• _WHAT YOU NEED TO DO_: In the records below, find the line holding "#113=IFCINDEXEDPOLYGONALFACE((35,43,44,36));" and the line holding "#149=IFCINDEXEDPOLYGONALFACE((109,111,112,110));". Set down both, with every line between them, exactly.

(Source records)

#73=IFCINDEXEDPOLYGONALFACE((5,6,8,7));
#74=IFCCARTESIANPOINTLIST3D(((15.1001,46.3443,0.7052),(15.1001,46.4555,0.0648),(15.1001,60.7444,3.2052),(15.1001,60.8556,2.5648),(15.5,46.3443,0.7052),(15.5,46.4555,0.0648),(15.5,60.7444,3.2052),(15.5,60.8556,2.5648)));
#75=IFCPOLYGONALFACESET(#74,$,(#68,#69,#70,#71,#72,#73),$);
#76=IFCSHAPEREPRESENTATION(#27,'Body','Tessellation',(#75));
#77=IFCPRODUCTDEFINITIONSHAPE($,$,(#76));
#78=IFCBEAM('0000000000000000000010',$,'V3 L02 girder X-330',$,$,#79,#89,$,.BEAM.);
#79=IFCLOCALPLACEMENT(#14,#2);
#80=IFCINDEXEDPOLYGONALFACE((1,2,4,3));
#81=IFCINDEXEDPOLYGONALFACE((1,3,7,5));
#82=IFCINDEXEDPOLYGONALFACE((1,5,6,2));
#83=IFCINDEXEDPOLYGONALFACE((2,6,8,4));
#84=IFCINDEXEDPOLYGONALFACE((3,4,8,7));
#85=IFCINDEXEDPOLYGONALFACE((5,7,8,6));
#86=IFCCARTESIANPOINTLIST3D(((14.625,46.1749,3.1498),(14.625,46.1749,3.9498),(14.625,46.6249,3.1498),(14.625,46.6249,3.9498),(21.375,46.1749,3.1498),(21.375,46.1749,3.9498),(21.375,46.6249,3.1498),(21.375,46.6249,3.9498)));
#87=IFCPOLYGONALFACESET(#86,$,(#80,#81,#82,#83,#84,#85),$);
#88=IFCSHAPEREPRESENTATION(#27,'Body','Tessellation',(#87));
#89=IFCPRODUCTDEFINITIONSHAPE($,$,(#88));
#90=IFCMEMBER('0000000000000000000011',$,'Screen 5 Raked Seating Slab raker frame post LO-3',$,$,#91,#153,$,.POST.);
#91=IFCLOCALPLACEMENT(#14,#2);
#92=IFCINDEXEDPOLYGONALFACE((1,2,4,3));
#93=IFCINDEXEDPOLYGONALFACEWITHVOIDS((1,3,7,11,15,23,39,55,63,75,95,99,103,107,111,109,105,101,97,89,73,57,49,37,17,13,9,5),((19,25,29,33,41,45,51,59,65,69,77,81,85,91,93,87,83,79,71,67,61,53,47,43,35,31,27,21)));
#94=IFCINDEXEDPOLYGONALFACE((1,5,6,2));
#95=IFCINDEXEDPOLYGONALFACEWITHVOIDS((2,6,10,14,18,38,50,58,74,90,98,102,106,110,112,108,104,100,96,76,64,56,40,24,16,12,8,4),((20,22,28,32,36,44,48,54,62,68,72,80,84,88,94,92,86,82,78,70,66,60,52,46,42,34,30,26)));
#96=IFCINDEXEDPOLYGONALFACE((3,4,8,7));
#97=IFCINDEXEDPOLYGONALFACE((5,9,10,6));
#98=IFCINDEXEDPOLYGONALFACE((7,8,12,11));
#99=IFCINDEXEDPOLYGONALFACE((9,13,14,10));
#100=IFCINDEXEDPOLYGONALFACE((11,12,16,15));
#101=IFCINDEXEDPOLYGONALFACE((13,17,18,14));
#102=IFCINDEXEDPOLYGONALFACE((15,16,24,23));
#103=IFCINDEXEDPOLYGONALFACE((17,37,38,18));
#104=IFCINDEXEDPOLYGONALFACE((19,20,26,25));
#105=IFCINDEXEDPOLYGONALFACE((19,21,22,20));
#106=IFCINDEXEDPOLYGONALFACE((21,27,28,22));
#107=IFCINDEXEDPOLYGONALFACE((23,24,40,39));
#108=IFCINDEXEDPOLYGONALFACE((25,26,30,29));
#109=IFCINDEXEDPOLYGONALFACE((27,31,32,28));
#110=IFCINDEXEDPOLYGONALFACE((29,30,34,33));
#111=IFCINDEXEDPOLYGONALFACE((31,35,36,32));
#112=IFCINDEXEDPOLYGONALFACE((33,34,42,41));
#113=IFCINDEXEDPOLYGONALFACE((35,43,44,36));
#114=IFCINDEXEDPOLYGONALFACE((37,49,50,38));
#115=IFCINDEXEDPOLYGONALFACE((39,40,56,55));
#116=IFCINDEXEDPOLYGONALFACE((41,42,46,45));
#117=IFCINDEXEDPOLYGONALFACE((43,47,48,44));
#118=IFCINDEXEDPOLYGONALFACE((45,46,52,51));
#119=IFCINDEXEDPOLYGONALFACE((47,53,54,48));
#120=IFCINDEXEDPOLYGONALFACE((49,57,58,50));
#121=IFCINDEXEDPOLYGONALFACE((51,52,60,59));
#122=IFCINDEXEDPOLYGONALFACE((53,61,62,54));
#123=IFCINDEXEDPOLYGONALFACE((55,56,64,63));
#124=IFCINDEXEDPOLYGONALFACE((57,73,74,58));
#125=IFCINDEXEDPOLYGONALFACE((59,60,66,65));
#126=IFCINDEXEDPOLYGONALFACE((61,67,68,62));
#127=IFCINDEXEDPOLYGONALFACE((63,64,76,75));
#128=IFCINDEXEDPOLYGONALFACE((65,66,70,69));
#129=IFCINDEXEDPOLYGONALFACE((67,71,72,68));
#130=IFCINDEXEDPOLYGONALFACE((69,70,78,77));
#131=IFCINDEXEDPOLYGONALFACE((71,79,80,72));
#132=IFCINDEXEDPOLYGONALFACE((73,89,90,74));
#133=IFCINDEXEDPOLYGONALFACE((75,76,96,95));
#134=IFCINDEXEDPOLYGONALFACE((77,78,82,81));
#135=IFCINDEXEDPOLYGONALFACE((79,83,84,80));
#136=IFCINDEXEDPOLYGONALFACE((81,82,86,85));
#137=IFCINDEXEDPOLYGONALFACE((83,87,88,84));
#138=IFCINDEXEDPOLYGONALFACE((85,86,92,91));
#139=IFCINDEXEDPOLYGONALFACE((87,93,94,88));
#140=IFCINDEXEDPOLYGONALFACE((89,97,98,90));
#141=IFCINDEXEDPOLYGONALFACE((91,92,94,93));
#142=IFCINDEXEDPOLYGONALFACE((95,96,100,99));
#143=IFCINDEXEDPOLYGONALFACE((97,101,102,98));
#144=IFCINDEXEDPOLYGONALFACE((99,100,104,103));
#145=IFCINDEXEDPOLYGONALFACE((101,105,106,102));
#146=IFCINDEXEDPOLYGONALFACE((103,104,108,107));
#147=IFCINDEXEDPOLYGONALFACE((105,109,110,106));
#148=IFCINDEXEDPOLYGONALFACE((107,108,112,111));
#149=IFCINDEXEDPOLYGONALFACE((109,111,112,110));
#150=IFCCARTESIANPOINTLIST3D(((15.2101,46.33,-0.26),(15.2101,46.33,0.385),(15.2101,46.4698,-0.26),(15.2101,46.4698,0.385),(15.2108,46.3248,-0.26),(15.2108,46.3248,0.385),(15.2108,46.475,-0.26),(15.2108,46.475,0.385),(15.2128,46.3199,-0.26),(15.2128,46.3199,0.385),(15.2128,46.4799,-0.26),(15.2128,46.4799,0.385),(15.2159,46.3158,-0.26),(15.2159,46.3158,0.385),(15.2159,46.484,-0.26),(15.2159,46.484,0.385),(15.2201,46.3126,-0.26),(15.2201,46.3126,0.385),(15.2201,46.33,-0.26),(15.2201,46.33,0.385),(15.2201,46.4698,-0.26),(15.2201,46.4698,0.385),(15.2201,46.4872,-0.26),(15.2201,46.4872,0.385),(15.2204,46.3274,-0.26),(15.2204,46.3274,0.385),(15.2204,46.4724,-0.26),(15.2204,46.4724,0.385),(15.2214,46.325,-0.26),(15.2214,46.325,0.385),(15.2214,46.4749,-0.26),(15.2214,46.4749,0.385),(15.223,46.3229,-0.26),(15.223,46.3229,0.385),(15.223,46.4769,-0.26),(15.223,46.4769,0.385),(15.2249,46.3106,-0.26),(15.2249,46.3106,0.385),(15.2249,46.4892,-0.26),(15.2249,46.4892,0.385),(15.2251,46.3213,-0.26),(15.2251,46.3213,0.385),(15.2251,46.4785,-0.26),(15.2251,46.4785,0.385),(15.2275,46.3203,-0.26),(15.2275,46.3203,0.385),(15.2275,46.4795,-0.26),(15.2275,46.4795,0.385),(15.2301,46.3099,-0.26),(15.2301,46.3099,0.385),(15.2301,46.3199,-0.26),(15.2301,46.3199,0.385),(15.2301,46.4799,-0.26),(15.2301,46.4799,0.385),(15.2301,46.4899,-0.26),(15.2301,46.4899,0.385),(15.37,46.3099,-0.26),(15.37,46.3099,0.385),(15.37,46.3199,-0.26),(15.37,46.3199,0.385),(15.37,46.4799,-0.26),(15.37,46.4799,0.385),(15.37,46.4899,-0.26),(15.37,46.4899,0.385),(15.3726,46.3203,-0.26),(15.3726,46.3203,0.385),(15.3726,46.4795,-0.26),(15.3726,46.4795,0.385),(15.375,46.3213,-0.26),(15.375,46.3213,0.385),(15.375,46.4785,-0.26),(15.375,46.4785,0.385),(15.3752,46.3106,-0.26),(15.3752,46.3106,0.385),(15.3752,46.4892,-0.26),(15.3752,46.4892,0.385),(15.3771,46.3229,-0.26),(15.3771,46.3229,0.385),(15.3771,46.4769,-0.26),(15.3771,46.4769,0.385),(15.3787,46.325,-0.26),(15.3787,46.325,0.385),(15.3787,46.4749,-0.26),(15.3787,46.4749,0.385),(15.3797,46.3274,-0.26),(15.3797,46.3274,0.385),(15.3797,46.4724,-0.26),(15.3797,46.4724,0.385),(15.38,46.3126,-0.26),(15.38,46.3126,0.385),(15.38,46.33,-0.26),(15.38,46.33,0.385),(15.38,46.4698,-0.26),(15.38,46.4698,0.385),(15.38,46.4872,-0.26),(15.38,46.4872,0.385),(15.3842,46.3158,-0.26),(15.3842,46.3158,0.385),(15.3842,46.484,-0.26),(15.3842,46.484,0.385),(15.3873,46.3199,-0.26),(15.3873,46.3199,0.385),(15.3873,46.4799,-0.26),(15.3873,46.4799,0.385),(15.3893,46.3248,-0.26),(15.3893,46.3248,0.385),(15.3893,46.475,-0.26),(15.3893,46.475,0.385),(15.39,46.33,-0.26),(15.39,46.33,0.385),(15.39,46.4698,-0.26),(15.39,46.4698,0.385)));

• _EXPECTED ANSWER_:
#113=IFCINDEXEDPOLYGONALFACE((35,43,44,36));
#114=IFCINDEXEDPOLYGONALFACE((37,49,50,38));
#115=IFCINDEXEDPOLYGONALFACE((39,40,56,55));
#116=IFCINDEXEDPOLYGONALFACE((41,42,46,45));
#117=IFCINDEXEDPOLYGONALFACE((43,47,48,44));
#118=IFCINDEXEDPOLYGONALFACE((45,46,52,51));
#119=IFCINDEXEDPOLYGONALFACE((47,53,54,48));
#120=IFCINDEXEDPOLYGONALFACE((49,57,58,50));
#121=IFCINDEXEDPOLYGONALFACE((51,52,60,59));
#122=IFCINDEXEDPOLYGONALFACE((53,61,62,54));
#123=IFCINDEXEDPOLYGONALFACE((55,56,64,63));
#124=IFCINDEXEDPOLYGONALFACE((57,73,74,58));
#125=IFCINDEXEDPOLYGONALFACE((59,60,66,65));
#126=IFCINDEXEDPOLYGONALFACE((61,67,68,62));
#127=IFCINDEXEDPOLYGONALFACE((63,64,76,75));
#128=IFCINDEXEDPOLYGONALFACE((65,66,70,69));
#129=IFCINDEXEDPOLYGONALFACE((67,71,72,68));
#130=IFCINDEXEDPOLYGONALFACE((69,70,78,77));
#131=IFCINDEXEDPOLYGONALFACE((71,79,80,72));
#132=IFCINDEXEDPOLYGONALFACE((73,89,90,74));
#133=IFCINDEXEDPOLYGONALFACE((75,76,96,95));
#134=IFCINDEXEDPOLYGONALFACE((77,78,82,81));
#135=IFCINDEXEDPOLYGONALFACE((79,83,84,80));
#136=IFCINDEXEDPOLYGONALFACE((81,82,86,85));
#137=IFCINDEXEDPOLYGONALFACE((83,87,88,84));
#138=IFCINDEXEDPOLYGONALFACE((85,86,92,91));
#139=IFCINDEXEDPOLYGONALFACE((87,93,94,88));
#140=IFCINDEXEDPOLYGONALFACE((89,97,98,90));
#141=IFCINDEXEDPOLYGONALFACE((91,92,94,93));
#142=IFCINDEXEDPOLYGONALFACE((95,96,100,99));
#143=IFCINDEXEDPOLYGONALFACE((97,101,102,98));
#144=IFCINDEXEDPOLYGONALFACE((99,100,104,103));
#145=IFCINDEXEDPOLYGONALFACE((101,105,106,102));
#146=IFCINDEXEDPOLYGONALFACE((103,104,108,107));
#147=IFCINDEXEDPOLYGONALFACE((105,109,110,106));
#148=IFCINDEXEDPOLYGONALFACE((107,108,112,111));
#149=IFCINDEXEDPOLYGONALFACE((109,111,112,110));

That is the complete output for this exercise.